§ WHAT YOU SHOULD DO:
Your answer is one number, how many lines in the entries include "Tessellation".

Stored data

#####

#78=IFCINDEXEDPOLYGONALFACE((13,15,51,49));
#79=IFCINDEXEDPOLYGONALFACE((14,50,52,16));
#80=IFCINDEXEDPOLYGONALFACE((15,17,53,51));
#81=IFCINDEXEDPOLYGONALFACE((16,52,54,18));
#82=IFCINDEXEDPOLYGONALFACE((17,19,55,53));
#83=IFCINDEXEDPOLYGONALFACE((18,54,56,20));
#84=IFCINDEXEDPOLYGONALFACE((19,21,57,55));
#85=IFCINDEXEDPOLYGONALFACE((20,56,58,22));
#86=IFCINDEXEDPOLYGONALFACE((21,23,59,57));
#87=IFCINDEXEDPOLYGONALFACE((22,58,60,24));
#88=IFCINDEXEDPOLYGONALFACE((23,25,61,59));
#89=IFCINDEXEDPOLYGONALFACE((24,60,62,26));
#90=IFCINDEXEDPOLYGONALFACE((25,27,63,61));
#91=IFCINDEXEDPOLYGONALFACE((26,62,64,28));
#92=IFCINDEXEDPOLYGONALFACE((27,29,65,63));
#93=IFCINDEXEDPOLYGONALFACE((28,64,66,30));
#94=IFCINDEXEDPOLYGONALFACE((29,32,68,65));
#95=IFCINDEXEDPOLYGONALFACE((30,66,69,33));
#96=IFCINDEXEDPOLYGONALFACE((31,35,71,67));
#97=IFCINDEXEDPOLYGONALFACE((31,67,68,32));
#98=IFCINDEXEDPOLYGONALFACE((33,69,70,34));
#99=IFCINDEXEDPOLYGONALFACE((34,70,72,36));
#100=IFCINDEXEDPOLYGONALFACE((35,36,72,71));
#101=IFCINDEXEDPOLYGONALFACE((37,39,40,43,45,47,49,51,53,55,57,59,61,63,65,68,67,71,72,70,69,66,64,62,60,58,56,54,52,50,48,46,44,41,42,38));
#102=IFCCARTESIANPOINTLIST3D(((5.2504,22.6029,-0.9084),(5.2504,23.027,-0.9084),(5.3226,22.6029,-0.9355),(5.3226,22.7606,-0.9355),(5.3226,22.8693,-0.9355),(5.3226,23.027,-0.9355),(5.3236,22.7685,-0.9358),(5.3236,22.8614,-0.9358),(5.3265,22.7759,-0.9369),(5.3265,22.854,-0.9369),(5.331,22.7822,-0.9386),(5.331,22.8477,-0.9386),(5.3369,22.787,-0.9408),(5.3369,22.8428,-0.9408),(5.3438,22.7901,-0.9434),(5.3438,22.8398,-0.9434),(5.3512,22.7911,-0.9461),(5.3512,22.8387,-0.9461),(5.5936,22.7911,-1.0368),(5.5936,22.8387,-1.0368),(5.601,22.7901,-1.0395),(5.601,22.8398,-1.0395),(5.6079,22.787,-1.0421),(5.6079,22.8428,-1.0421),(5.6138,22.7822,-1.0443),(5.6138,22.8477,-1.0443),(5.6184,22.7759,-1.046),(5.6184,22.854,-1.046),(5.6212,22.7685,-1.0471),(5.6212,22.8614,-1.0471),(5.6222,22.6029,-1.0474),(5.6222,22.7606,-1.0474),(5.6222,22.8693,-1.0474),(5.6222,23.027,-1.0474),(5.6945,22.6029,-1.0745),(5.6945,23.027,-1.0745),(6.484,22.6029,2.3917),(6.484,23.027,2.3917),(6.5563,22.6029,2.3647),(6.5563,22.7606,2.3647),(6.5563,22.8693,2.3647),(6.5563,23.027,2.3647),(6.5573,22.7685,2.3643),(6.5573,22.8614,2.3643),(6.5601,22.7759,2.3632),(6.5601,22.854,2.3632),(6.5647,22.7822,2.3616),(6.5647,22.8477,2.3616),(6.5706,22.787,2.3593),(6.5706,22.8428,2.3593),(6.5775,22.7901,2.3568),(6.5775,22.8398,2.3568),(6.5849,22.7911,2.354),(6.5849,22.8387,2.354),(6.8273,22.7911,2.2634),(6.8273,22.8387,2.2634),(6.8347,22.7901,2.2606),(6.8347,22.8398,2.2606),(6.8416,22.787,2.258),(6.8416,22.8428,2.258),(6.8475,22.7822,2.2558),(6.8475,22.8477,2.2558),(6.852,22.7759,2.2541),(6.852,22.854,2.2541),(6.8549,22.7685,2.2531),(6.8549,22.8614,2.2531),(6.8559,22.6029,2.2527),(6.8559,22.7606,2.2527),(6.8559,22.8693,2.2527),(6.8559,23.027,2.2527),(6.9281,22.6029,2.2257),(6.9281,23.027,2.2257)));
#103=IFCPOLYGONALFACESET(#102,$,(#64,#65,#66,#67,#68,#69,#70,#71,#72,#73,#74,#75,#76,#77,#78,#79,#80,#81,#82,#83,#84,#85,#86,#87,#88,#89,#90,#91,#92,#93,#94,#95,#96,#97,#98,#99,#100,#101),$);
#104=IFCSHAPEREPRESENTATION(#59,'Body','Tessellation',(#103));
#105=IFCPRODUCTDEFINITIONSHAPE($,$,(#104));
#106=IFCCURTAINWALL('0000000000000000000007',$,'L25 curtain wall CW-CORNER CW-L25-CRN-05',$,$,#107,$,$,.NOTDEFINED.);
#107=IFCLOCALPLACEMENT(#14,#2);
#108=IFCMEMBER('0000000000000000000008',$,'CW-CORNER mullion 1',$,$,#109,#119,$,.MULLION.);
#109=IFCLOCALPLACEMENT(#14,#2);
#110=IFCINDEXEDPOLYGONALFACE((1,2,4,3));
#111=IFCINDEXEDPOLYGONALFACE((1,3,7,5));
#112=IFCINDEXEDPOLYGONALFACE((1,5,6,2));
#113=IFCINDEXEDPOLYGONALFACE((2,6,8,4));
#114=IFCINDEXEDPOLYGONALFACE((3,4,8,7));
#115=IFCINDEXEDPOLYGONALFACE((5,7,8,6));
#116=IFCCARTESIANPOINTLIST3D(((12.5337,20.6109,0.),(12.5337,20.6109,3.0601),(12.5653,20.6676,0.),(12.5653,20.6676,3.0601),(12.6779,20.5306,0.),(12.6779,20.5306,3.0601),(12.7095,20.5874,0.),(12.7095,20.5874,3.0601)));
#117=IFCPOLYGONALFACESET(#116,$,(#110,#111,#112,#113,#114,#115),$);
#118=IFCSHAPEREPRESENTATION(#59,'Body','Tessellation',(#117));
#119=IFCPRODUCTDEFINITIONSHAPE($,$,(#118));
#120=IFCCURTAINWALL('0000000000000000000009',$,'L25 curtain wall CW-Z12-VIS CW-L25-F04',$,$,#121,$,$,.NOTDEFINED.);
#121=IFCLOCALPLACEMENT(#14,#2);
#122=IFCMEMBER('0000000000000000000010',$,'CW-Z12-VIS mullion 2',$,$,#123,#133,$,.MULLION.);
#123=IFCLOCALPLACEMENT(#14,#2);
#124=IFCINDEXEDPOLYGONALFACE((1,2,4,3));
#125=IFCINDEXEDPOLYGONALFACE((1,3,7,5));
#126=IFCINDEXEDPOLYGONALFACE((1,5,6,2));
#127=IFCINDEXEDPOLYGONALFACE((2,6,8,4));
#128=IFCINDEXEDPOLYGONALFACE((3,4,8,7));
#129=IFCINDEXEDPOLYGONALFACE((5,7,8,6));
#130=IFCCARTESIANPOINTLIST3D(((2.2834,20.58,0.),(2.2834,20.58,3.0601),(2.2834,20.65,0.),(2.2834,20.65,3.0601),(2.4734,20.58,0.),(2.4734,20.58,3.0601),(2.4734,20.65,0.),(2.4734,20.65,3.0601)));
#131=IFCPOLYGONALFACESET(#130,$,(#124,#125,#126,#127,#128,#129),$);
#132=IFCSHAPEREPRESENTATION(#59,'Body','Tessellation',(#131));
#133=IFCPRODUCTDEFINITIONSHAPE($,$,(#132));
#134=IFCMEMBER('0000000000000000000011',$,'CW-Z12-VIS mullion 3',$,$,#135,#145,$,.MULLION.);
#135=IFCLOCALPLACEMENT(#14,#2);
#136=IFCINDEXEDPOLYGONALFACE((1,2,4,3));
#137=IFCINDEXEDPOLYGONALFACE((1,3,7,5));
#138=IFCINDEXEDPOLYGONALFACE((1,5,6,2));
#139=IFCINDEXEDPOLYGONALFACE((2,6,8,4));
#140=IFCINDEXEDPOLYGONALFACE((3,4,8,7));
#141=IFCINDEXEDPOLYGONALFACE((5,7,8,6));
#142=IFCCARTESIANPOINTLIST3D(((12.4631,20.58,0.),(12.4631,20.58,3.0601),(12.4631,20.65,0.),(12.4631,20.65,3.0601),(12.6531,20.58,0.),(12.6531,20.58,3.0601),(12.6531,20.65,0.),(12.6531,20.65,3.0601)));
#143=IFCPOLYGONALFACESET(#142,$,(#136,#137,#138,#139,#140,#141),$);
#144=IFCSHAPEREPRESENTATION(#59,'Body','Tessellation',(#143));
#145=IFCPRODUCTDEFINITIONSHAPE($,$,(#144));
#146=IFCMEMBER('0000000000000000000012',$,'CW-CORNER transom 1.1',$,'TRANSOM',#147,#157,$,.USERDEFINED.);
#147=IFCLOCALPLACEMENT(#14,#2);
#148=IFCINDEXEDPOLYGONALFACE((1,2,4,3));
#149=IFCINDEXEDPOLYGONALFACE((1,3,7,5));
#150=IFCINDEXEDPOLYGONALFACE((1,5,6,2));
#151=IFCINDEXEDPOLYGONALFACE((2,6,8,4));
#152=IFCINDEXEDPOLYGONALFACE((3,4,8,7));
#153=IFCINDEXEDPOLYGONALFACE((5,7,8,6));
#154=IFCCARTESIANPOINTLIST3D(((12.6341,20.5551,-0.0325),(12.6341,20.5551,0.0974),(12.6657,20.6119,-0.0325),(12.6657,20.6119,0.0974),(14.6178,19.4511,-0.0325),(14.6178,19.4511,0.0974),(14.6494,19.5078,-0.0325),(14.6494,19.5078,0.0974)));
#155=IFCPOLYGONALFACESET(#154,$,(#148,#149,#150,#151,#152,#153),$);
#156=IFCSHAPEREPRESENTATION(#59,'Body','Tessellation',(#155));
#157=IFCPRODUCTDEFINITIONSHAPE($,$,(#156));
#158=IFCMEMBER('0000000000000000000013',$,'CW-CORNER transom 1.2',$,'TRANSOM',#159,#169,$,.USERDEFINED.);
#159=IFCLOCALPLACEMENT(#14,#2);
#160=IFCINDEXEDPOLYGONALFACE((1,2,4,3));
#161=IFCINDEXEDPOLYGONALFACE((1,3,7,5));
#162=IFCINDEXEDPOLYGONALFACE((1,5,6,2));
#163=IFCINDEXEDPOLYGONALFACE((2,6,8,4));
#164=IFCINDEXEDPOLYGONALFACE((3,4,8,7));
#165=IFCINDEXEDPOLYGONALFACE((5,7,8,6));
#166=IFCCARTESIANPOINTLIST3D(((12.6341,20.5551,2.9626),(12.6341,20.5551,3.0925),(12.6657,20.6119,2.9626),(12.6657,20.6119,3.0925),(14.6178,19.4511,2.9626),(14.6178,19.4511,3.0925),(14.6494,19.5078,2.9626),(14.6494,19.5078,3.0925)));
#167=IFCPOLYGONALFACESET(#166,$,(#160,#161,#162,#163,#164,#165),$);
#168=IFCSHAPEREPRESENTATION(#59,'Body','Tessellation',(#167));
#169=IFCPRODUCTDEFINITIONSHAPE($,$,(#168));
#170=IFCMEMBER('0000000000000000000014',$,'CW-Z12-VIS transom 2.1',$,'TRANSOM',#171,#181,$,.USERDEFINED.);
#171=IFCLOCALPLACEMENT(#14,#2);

#####

§ EXERCISE OUTPUT:
6